§ **WHAT THE TASK REQUIRES**
Which lines of the data contain the string "IFCLOCALPLACEMENT"? Copy every one of them.

§ **DATA FOR THIS TASK**
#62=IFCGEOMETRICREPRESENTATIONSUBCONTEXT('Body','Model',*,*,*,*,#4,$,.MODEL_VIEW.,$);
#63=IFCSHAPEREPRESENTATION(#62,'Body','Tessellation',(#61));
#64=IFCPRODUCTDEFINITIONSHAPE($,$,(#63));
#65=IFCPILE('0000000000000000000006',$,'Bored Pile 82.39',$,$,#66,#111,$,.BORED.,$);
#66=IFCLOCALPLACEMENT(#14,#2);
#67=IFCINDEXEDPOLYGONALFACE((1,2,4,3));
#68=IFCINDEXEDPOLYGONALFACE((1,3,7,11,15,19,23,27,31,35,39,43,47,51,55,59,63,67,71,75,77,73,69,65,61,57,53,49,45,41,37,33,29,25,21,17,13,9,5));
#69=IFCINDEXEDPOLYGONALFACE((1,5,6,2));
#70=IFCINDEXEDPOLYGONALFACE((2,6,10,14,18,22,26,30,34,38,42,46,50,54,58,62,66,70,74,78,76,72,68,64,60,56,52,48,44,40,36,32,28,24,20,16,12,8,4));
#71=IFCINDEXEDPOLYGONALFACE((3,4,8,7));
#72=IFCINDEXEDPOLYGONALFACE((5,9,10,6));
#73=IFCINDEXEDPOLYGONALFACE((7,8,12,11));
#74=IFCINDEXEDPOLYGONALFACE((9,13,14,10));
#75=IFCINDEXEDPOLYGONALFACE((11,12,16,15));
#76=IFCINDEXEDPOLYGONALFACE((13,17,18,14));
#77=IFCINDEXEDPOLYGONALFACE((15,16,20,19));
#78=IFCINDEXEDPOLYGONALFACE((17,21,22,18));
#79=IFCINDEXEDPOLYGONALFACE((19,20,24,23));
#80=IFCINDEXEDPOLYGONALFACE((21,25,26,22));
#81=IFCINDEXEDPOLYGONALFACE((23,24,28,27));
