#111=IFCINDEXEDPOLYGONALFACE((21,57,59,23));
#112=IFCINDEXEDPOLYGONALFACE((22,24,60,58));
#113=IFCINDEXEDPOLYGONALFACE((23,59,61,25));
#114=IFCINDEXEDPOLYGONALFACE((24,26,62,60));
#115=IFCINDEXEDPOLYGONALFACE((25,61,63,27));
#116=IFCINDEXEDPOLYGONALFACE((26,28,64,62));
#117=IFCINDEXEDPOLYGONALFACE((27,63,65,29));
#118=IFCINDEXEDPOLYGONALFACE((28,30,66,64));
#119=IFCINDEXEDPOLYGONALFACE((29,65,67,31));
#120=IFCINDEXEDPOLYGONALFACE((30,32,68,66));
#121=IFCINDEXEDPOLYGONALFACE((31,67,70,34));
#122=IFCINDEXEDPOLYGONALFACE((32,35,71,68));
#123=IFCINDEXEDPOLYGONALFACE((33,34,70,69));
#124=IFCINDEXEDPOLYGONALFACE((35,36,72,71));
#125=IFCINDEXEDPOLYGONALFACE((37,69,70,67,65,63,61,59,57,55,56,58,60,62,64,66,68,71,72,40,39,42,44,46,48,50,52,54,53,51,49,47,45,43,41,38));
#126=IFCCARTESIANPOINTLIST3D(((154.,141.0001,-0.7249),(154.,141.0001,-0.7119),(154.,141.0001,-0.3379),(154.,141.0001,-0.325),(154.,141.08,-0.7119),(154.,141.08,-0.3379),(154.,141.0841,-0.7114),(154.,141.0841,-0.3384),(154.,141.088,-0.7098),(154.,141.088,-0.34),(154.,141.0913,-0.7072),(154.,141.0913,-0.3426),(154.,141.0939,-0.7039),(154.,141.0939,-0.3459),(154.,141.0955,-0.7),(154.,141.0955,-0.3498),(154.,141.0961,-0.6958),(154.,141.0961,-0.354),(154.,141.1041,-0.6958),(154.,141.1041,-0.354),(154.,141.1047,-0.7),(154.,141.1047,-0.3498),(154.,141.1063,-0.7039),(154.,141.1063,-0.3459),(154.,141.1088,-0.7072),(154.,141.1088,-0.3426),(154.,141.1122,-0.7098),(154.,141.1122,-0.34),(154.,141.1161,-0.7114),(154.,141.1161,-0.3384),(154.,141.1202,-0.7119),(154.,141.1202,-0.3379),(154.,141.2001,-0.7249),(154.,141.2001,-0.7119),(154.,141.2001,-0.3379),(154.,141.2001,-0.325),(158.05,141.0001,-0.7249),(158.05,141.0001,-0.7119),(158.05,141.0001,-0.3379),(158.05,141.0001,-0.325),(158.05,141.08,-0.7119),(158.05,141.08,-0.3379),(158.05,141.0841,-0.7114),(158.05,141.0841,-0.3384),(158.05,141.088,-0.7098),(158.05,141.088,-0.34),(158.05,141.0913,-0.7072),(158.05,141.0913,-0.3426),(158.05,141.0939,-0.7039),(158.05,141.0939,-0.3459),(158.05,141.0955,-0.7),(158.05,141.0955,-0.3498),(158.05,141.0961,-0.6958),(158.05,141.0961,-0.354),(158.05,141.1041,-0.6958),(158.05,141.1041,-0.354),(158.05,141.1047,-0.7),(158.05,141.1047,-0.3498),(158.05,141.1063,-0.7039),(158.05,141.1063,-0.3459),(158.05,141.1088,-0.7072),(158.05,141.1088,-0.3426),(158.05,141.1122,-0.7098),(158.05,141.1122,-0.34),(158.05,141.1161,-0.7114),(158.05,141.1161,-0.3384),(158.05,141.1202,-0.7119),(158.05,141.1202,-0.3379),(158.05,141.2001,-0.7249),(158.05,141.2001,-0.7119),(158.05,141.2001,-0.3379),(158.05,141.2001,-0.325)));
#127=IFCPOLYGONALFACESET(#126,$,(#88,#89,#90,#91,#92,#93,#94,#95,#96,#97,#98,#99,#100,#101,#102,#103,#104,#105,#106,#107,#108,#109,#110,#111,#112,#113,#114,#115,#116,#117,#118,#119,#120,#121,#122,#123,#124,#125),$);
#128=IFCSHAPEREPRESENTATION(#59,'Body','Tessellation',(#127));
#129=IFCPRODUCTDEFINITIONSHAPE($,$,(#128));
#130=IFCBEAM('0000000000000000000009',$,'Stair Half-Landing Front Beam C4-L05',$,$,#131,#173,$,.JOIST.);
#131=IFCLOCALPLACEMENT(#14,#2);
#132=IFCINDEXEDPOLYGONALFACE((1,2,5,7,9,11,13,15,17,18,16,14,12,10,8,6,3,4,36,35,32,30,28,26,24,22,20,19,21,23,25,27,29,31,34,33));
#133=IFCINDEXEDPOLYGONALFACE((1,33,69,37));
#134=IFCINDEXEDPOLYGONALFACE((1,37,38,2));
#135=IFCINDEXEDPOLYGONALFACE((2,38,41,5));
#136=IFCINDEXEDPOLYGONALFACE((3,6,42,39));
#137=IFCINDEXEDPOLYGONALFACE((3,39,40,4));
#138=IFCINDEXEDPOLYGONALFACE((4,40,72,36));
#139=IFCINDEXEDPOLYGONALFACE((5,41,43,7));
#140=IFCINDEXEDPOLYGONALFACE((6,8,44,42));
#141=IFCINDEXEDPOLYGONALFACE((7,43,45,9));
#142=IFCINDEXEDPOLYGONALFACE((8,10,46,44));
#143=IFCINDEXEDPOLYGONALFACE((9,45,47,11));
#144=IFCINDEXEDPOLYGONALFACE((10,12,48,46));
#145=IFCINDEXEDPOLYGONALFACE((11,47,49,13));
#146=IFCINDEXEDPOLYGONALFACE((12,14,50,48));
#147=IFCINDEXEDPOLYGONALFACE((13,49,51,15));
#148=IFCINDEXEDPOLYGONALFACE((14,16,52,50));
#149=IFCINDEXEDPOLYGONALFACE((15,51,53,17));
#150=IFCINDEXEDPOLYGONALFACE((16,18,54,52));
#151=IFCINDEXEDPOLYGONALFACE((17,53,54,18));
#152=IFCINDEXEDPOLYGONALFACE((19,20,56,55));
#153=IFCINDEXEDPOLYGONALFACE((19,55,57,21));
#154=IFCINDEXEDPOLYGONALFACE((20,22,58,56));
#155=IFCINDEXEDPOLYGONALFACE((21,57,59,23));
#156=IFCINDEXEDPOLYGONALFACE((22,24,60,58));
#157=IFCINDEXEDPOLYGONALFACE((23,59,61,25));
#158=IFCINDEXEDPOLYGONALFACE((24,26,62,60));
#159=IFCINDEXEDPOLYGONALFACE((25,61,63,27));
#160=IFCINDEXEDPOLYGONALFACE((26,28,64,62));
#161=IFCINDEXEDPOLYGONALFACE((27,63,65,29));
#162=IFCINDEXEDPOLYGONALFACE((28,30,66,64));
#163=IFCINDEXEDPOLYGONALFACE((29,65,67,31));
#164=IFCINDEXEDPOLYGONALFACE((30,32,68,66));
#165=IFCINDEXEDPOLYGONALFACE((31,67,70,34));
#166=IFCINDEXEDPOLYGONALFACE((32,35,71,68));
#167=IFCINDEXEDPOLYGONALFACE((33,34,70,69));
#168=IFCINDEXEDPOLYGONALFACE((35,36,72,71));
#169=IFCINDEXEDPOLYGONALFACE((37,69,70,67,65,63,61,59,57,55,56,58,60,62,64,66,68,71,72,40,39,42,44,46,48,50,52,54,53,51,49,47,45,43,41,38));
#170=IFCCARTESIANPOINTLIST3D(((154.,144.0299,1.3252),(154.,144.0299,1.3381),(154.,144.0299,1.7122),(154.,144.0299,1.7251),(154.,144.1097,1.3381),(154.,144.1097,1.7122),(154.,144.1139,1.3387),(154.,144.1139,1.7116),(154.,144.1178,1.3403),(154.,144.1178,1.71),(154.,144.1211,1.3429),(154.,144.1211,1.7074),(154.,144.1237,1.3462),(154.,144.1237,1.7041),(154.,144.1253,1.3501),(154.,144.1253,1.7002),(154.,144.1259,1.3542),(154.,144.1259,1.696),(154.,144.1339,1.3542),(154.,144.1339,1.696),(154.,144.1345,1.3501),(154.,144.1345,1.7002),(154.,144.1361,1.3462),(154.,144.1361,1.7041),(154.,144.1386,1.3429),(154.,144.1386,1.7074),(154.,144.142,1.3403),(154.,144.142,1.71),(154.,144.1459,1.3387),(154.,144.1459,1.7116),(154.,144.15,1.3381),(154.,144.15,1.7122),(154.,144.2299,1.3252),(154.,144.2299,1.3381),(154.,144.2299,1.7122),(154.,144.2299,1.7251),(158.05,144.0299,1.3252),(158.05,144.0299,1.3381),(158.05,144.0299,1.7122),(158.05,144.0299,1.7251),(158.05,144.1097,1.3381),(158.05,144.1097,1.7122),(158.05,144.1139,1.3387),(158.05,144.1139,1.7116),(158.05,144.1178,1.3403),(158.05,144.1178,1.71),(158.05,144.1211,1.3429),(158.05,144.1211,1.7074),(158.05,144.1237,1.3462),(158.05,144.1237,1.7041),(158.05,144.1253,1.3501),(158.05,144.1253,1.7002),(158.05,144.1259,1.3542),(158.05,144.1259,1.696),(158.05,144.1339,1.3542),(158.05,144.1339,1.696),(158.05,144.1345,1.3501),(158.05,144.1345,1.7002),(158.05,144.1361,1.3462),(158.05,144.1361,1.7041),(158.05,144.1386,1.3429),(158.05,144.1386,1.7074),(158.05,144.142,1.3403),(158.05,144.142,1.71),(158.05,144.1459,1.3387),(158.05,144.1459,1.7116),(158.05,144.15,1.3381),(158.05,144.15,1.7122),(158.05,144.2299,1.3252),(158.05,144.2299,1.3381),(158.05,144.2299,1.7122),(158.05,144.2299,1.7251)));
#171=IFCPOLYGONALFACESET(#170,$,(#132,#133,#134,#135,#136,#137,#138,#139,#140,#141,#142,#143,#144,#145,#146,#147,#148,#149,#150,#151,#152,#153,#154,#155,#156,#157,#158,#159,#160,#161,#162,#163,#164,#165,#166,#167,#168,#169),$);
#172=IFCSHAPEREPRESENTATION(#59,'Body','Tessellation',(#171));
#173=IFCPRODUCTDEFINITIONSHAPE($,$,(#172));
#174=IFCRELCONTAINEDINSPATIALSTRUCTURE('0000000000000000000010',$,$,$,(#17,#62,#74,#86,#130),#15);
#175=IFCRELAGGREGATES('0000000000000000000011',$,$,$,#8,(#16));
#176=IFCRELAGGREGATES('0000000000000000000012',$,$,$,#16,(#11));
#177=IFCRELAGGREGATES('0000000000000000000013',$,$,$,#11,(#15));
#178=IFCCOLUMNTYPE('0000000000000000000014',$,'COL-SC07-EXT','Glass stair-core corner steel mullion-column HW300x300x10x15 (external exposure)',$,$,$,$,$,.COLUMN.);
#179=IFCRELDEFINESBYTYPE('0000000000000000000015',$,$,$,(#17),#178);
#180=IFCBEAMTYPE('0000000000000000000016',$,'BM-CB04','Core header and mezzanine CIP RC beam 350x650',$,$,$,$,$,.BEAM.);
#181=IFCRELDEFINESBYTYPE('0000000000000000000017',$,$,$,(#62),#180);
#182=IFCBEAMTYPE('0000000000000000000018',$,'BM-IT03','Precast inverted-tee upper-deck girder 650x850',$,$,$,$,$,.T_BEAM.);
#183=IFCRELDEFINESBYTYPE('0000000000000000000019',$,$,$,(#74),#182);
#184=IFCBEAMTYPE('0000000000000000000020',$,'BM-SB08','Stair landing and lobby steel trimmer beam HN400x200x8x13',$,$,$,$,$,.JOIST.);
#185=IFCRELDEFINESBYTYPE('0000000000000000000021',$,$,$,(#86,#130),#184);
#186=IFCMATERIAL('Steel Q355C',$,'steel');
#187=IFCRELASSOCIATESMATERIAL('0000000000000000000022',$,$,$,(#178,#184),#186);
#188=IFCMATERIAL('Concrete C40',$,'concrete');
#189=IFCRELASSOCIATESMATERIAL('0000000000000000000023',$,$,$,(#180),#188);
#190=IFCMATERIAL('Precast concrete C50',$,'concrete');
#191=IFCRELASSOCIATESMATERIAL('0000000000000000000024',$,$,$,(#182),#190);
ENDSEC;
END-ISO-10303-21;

§ **REPLY TO THE TASK**
#66=IFCLOCALPLACEMENT(#14,#2);
#131=IFCLOCALPLACEMENT(#14,#2);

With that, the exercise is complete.